[WHAT YOU NEED TO DO]
Please find every line below that includes "Tessellation" and report how many there are. Nothing else is needed.

==== EXTRACTED MATERIAL

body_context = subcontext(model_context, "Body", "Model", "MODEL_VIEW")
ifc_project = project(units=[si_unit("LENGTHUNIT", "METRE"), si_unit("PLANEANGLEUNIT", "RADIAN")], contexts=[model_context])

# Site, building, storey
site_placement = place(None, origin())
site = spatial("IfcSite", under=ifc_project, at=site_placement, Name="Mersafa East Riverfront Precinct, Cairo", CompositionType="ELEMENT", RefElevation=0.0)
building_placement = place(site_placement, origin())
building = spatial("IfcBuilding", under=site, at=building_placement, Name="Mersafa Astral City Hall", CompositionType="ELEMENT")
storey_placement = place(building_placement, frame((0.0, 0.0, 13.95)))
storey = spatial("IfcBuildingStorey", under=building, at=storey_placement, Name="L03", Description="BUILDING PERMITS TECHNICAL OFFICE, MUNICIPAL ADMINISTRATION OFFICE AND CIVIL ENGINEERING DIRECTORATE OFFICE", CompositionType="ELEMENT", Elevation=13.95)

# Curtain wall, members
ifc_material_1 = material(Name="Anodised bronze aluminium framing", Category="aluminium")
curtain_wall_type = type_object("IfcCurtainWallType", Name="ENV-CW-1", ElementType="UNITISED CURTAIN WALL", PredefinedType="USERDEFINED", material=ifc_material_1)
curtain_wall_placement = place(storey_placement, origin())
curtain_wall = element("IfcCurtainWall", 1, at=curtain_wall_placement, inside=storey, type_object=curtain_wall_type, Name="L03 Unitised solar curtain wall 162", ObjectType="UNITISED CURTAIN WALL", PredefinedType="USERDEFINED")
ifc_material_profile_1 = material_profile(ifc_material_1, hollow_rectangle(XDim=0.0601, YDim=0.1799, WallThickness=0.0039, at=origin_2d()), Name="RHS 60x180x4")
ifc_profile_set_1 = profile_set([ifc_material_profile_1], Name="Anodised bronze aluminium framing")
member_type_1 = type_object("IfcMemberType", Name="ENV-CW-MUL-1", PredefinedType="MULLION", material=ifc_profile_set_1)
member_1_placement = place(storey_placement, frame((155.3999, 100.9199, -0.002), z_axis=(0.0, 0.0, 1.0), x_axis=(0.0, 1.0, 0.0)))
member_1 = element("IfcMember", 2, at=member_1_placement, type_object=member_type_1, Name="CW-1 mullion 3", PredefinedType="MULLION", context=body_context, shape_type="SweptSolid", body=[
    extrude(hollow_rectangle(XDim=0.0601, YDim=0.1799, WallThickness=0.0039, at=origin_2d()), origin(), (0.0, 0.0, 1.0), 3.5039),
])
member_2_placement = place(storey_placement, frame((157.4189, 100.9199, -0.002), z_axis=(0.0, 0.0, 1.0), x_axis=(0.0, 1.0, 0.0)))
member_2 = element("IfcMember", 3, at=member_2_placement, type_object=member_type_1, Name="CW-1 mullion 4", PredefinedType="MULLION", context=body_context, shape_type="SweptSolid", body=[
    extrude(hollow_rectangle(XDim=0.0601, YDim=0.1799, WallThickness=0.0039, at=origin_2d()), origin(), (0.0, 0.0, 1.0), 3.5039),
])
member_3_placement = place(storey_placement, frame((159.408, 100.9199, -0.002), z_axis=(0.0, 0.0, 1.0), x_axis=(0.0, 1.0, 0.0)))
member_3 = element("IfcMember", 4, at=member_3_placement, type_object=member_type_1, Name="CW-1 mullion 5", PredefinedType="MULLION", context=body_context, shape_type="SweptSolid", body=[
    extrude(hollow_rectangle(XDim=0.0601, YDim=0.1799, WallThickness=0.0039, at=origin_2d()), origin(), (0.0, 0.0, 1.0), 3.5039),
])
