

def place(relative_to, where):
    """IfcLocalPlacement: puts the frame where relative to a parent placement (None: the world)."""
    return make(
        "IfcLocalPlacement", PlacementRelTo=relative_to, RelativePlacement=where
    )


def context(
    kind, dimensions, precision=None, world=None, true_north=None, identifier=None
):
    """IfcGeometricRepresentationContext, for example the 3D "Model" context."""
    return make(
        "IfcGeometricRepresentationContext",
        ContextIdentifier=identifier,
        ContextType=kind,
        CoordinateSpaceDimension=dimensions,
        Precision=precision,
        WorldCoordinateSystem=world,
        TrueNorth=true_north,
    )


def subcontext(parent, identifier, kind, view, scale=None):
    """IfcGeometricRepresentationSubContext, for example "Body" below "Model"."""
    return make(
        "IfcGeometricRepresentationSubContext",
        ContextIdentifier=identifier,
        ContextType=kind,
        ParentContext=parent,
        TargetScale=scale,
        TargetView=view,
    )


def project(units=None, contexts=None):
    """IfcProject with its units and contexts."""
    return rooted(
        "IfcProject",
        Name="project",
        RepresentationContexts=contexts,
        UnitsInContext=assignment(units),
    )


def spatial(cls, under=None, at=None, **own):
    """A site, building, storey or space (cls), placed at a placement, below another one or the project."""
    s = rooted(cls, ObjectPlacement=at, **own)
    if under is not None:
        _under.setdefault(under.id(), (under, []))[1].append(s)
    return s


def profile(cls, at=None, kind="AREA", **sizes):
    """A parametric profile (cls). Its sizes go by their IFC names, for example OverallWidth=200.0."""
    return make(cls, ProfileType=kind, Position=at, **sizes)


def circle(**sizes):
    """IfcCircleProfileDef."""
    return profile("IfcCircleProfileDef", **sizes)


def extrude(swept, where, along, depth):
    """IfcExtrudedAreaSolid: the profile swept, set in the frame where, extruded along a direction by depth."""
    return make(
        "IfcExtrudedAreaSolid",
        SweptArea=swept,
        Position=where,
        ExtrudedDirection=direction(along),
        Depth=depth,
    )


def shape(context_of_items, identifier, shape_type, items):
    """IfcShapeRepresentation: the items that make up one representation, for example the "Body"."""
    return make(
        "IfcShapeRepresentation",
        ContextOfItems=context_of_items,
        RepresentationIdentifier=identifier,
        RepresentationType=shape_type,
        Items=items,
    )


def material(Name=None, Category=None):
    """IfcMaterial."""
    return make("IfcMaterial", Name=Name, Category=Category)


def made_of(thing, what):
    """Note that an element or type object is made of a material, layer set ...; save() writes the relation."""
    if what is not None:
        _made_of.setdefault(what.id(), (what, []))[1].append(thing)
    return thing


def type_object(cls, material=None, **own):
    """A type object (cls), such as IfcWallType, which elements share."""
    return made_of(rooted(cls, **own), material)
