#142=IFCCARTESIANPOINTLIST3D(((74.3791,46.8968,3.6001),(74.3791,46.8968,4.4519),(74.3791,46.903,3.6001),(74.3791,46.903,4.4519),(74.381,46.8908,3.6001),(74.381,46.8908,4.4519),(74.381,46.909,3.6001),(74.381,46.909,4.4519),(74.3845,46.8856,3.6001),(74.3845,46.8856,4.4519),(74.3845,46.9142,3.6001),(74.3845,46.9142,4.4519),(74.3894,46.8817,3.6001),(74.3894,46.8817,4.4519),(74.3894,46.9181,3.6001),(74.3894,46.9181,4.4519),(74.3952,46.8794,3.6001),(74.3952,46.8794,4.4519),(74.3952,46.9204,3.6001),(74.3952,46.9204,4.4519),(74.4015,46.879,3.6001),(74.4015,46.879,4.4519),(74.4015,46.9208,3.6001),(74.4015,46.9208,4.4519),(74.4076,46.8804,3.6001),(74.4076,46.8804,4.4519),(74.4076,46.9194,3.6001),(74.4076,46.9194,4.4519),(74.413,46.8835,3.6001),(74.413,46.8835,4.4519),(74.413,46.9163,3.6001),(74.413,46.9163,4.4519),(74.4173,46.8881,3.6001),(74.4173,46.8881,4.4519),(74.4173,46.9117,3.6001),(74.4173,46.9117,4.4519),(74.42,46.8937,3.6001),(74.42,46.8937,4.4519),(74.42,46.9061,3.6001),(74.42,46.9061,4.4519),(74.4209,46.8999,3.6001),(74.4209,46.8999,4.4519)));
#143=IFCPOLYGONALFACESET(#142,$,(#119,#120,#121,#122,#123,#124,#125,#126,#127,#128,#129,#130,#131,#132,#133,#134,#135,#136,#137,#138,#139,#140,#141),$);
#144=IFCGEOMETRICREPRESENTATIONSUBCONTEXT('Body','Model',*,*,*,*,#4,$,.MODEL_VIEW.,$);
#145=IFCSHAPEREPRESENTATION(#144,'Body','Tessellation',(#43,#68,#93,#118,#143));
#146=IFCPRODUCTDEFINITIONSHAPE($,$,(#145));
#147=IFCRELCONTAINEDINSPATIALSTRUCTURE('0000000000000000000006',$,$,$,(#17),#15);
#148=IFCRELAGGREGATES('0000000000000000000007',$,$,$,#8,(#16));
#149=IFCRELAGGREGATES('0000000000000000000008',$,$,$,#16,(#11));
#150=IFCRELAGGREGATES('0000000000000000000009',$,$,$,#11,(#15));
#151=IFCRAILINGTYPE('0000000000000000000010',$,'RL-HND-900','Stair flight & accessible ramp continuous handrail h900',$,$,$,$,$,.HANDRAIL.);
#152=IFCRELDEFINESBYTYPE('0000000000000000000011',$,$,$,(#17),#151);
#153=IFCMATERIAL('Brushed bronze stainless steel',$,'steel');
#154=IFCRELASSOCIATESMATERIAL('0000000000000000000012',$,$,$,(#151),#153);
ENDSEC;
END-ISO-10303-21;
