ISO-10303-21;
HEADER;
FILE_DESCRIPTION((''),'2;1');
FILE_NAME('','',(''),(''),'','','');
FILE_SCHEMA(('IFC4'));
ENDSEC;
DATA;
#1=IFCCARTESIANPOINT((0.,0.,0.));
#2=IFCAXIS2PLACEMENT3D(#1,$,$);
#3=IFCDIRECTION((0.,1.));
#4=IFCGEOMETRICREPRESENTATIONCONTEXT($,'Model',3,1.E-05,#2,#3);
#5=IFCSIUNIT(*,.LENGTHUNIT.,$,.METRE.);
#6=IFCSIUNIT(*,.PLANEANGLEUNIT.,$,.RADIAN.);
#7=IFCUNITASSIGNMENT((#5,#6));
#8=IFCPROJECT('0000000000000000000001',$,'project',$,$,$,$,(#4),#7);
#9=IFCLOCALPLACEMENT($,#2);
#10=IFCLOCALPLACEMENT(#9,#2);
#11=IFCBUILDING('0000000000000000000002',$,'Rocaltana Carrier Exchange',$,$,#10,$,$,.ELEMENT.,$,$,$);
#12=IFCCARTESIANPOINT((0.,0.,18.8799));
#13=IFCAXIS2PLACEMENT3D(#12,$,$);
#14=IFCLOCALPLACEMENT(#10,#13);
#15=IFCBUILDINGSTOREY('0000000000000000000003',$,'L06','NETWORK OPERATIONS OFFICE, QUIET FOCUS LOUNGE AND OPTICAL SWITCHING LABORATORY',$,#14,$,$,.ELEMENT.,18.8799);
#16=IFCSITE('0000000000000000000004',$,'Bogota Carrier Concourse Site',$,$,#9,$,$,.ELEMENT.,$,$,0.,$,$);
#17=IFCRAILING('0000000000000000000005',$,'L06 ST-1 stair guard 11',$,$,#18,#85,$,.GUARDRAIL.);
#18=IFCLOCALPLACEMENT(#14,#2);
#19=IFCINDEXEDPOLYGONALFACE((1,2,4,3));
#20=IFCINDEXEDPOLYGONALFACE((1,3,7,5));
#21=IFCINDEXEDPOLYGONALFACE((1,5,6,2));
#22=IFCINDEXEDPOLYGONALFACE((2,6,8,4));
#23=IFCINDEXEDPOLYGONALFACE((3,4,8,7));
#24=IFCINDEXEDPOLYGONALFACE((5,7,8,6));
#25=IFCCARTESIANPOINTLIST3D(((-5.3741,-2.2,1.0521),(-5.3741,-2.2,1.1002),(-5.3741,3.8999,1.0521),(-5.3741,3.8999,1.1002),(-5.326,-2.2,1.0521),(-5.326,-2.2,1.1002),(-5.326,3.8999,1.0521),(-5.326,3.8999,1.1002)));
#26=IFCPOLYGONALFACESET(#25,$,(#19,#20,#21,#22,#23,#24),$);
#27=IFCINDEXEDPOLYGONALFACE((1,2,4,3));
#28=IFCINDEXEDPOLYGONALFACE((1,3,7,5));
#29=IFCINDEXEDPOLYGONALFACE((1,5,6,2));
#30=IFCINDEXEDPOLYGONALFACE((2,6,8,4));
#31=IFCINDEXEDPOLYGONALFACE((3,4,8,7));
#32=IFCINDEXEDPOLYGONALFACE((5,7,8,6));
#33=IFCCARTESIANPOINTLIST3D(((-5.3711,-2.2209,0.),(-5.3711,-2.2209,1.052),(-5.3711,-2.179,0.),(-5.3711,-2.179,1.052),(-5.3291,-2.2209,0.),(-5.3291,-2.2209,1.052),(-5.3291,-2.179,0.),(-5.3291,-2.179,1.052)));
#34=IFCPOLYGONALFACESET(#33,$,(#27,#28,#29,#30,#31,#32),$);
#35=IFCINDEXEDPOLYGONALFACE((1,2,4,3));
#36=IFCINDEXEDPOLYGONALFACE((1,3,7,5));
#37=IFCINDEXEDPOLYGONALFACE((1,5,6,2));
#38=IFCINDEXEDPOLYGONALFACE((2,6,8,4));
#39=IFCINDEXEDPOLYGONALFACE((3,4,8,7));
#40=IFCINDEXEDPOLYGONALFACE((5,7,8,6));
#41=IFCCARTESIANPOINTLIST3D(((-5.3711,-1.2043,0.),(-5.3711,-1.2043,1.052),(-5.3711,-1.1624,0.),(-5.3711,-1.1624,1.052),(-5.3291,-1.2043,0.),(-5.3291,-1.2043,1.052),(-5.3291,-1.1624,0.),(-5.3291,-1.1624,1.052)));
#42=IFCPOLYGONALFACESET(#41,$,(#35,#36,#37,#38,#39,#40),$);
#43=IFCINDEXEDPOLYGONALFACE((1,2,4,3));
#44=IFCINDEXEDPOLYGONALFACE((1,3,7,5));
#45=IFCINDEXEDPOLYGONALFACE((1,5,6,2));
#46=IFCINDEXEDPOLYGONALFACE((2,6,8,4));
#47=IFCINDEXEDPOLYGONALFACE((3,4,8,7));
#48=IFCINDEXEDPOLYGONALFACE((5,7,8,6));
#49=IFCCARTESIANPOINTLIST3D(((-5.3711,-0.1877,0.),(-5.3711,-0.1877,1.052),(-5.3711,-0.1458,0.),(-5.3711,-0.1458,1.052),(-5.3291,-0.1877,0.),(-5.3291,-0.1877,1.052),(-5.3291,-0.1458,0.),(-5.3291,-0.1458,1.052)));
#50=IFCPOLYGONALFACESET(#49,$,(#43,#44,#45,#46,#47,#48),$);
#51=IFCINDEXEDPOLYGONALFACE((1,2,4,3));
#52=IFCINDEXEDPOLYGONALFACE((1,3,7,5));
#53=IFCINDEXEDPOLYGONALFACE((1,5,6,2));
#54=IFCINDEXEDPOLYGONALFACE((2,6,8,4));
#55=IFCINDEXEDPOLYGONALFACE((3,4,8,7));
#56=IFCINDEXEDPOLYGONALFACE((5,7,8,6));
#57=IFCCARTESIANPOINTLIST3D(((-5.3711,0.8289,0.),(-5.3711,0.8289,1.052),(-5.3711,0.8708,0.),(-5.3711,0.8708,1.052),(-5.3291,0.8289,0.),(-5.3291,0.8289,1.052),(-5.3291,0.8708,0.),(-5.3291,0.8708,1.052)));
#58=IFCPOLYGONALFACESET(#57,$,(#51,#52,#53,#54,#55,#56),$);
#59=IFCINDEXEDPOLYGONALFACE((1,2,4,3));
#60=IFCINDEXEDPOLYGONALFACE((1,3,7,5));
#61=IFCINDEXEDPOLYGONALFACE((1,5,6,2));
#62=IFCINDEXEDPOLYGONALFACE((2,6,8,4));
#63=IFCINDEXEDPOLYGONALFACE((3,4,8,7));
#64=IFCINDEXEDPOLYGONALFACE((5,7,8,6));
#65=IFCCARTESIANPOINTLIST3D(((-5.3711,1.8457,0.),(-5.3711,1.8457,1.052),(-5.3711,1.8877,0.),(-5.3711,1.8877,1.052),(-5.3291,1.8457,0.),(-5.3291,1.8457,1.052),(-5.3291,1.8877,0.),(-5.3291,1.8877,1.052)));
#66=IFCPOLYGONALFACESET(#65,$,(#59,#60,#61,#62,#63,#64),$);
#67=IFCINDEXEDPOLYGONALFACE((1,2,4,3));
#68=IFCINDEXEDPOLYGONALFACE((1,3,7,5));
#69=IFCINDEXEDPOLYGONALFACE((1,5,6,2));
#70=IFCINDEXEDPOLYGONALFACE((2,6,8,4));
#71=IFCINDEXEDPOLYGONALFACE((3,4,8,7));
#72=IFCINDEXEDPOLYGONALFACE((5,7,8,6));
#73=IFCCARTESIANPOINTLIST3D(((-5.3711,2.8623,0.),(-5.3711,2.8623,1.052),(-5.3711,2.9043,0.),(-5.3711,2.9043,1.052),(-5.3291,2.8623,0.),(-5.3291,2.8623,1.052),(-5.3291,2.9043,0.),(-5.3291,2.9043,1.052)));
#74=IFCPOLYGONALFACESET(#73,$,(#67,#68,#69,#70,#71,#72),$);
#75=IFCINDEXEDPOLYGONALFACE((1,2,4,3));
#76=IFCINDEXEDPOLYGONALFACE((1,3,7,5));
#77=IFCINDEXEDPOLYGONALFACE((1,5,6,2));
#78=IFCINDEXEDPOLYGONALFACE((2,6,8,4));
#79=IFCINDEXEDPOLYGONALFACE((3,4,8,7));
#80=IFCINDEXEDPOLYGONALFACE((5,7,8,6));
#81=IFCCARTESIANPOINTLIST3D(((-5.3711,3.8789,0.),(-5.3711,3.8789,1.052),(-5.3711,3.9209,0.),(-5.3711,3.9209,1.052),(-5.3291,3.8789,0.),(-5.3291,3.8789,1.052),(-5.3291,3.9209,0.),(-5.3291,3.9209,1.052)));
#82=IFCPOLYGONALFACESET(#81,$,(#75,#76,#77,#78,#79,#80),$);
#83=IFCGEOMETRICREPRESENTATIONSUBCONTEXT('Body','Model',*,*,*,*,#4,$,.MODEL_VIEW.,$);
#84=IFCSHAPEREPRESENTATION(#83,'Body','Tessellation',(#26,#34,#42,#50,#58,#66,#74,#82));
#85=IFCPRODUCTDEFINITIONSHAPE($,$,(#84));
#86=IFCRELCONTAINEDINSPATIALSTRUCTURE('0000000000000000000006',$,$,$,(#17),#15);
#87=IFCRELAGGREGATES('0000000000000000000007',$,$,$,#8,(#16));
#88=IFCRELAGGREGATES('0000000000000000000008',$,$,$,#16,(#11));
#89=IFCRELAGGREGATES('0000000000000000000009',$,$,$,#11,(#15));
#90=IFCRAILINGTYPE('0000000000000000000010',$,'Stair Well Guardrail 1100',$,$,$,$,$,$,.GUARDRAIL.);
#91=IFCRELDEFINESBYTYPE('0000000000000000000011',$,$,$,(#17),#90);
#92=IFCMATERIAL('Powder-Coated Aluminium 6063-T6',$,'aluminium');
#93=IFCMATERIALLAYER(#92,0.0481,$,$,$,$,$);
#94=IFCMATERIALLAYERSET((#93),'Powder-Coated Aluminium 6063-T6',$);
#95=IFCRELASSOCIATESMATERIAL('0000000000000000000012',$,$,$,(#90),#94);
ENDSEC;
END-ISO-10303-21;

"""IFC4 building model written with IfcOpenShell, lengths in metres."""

from ifc_helpers import new_model, si_unit, direction, frame, origin, origin_2d, place, context, subcontext, project, spatial, rectangle, extrude, material, layer, layer_set, type_object, element, save


model = new_model("IFC4")

# Units and contexts
model_context = context("Model", 3, precision=1e-05, world=origin(), true_north=direction((0.0, 1.0)))
body_context = subcontext(model_context, "Body", "Model", "MODEL_VIEW")
ifc_project = project(units=[si_unit("LENGTHUNIT", "METRE"), si_unit("PLANEANGLEUNIT", "RADIAN")], contexts=[model_context])

# Site, building, storey
site_placement = place(None, origin())
site = spatial("IfcSite", under=ifc_project, at=site_placement, Name="Bogota Carrier Concourse Site", CompositionType="ELEMENT", RefElevation=0.0)
building_placement = place(site_placement, origin())
building = spatial("IfcBuilding", under=site, at=building_placement, Name="Rocaltana Carrier Exchange", CompositionType="ELEMENT")
storey_placement = place(building_placement, frame((0.0, 0.0, 18.8799)))
storey = spatial("IfcBuildingStorey", under=building, at=storey_placement, Name="L06", Description="NETWORK OPERATIONS OFFICE, QUIET FOCUS LOUNGE AND OPTICAL SWITCHING LABORATORY", CompositionType="ELEMENT", Elevation=18.8799)

# Railing
ifc_material_1 = material(Name="Powder-Coated Aluminium 6063-T6", Category="aluminium")
ifc_layer_1 = layer(ifc_material_1, 0.0481)
ifc_layer_set_1 = layer_set([ifc_layer_1], Name="Powder-Coated Aluminium 6063-T6")
railing_type_1 = type_object("IfcRailingType", Name="Stair Well Guardrail 1100", PredefinedType="GUARDRAIL", material=ifc_layer_set_1)
for number, where, name in (
    (1, (-5.3501, -2.2, 0.0), "L06 ST-1 stair guard 11"),
):
    element("IfcRailing", number, at=place(storey_placement, frame(where)), inside=storey, type_object=railing_type_1, Name=name, PredefinedType="GUARDRAIL", context=body_context, shape_type="SweptSolid", body=[
        extrude(rectangle(XDim=0.0481, YDim=0.0481, at=origin_2d()), frame((0.0, 0.0, 1.0762), z_axis=(0.0, 1.0, 0.0), x_axis=(-1.0, 0.0, 0.0)), (0.0, 0.0, 1.0), 6.0999),
        extrude(rectangle(XDim=0.042, YDim=0.042, at=origin_2d()), origin(), (0.0, 0.0, 1.0), 1.052),
        extrude(rectangle(XDim=0.042, YDim=0.042, at=origin_2d()), frame((0.0, 1.0166, 0.0)), (0.0, 0.0, 1.0), 1.052),
        extrude(rectangle(XDim=0.042, YDim=0.042, at=origin_2d()), frame((0.0, 2.0332, 0.0)), (0.0, 0.0, 1.0), 1.052),
        extrude(rectangle(XDim=0.042, YDim=0.042, at=origin_2d()), frame((0.0, 3.0498, 0.0)), (0.0, 0.0, 1.0), 1.052),
        extrude(rectangle(XDim=0.042, YDim=0.042, at=origin_2d()), frame((0.0, 4.0667, 0.0)), (0.0, 0.0, 1.0), 1.052),
        extrude(rectangle(XDim=0.042, YDim=0.042, at=origin_2d()), frame((0.0, 5.0833, 0.0)), (0.0, 0.0, 1.0), 1.052),
        extrude(rectangle(XDim=0.042, YDim=0.042, at=origin_2d()), frame((0.0, 6.0999, 0.0)), (0.0, 0.0, 1.0), 1.052),
    ])

save(model, "model.ifc")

========

[RESULT]
2